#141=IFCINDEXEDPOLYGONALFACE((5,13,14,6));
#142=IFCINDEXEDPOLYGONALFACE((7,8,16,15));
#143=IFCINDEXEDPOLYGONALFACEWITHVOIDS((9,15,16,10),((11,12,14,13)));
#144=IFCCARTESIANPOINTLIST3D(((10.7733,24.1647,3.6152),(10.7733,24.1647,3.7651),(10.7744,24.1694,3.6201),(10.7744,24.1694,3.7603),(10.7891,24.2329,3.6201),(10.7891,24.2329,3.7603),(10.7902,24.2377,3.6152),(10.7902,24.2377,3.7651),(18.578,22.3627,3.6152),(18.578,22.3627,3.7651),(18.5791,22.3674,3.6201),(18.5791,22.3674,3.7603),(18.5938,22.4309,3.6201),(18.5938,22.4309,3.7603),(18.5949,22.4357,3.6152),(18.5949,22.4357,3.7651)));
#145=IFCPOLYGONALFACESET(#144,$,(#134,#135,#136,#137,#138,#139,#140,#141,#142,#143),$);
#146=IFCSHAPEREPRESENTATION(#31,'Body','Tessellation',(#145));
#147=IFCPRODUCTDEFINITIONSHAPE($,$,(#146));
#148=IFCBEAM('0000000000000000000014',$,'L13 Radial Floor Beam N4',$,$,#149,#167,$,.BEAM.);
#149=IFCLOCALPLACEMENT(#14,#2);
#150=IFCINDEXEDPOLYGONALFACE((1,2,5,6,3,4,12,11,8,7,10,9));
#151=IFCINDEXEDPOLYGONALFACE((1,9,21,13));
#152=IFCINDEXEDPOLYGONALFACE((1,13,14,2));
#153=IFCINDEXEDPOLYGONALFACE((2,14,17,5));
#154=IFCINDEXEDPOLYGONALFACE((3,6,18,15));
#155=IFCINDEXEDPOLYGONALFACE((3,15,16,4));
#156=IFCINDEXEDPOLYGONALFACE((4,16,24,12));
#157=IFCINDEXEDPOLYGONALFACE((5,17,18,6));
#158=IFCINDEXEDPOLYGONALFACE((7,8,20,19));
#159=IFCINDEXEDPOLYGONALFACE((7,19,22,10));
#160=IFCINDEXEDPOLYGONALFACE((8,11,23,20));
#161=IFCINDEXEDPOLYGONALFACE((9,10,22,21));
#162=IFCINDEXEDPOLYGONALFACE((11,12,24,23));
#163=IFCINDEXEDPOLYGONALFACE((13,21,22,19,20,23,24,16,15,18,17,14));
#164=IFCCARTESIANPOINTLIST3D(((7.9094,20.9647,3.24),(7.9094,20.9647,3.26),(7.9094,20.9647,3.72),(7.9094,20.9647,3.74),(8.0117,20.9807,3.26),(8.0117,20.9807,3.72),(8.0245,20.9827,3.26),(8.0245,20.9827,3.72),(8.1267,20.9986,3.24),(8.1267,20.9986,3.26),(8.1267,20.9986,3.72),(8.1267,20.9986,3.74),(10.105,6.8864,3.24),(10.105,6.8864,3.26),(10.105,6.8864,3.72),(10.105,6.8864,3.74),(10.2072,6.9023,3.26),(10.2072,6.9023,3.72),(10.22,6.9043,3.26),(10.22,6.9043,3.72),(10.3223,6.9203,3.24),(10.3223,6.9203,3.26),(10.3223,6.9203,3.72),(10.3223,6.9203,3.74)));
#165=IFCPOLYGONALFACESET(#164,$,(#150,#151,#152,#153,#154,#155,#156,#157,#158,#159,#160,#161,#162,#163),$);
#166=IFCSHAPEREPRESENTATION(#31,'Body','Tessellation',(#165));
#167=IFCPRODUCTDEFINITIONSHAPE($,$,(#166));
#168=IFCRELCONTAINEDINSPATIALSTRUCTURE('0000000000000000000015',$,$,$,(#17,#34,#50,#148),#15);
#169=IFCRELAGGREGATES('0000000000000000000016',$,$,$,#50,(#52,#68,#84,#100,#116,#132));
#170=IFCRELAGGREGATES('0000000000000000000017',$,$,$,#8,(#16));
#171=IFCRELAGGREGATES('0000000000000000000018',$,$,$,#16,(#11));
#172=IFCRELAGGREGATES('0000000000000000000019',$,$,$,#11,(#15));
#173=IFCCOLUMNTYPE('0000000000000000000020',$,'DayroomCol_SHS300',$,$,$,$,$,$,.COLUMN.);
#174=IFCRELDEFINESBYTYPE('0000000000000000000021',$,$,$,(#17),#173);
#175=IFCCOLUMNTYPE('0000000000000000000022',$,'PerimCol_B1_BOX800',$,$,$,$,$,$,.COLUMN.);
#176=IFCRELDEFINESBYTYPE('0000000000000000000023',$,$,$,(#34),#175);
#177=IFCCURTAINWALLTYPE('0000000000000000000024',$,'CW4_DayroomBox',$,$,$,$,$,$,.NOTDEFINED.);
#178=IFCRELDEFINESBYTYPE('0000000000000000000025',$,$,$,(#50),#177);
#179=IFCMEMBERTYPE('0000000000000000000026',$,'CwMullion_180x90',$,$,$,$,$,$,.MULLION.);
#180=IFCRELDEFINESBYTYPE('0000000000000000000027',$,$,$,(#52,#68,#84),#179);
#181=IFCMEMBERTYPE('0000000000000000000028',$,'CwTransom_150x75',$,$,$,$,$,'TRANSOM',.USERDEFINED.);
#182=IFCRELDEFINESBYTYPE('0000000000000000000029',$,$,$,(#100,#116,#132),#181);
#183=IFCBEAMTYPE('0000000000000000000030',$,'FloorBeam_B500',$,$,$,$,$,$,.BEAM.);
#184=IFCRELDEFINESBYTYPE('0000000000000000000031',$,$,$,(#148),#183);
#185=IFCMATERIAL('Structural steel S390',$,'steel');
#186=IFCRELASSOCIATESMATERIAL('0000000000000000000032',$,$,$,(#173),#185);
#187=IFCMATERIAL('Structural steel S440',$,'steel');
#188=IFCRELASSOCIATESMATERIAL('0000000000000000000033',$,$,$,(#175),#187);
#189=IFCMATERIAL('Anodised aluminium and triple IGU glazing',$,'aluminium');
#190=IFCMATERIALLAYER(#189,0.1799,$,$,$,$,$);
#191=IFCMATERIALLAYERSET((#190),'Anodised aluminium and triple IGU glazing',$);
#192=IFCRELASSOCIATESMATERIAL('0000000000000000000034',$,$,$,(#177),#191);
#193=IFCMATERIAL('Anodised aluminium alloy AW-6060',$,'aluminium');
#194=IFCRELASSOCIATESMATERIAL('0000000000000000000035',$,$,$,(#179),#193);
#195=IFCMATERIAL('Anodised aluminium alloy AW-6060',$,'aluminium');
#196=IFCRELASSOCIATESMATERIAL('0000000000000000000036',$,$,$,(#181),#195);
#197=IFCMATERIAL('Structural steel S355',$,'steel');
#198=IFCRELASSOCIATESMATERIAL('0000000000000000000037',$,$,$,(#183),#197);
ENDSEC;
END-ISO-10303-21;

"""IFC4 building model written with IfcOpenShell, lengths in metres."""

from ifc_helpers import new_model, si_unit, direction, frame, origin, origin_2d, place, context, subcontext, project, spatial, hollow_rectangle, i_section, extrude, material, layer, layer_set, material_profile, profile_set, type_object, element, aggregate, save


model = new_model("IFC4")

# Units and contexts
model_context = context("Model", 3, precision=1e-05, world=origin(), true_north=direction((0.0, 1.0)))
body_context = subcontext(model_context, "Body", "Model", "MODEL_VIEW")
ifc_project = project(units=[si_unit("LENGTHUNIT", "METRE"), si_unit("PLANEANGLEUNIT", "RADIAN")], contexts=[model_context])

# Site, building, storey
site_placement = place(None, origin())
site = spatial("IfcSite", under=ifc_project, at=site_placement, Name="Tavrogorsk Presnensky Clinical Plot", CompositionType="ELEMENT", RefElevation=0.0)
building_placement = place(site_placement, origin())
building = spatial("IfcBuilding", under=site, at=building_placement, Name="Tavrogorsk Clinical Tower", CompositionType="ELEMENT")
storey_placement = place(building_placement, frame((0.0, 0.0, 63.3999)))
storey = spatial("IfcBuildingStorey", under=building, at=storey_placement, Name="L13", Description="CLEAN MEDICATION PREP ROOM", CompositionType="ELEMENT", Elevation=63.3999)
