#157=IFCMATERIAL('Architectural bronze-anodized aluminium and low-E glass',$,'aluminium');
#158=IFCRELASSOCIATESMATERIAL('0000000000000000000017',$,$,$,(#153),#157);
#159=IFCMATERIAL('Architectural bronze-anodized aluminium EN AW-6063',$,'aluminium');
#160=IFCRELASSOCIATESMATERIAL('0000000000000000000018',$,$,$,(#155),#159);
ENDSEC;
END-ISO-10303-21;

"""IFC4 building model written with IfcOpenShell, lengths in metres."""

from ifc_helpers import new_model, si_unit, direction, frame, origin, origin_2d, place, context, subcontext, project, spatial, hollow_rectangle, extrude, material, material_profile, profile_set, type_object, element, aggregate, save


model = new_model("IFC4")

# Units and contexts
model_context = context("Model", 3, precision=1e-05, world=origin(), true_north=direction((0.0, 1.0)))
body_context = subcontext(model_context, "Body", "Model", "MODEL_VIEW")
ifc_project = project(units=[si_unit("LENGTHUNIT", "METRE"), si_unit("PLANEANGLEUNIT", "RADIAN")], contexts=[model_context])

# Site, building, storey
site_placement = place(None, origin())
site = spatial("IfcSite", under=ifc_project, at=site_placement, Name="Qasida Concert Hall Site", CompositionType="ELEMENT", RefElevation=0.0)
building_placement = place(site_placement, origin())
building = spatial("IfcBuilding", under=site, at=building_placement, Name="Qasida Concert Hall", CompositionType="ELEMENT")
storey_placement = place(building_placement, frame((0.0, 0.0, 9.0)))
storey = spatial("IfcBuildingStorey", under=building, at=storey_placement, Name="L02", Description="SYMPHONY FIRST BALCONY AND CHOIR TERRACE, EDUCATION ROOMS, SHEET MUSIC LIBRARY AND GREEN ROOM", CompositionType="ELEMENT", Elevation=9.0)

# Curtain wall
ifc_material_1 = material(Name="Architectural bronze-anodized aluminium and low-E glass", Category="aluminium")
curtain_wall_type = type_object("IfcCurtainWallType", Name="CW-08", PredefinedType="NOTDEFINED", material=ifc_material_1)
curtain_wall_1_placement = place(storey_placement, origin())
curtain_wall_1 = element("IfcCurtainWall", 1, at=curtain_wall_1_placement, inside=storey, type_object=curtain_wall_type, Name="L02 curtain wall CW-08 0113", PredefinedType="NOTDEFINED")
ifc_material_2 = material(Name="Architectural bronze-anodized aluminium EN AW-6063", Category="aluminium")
******
Your goal
If a line in the entries includes the word "IfcSite", copy that line out.

Task solution
site = spatial("IfcSite", under=ifc_project, at=site_placement, Name="Tavrogorsk Presnensky Clinical Plot", CompositionType="ELEMENT", RefElevation=0.0)
site = spatial("IfcSite", under=ifc_project, at=site_placement, Name="Qasida Concert Hall Site", CompositionType="ELEMENT", RefElevation=0.0)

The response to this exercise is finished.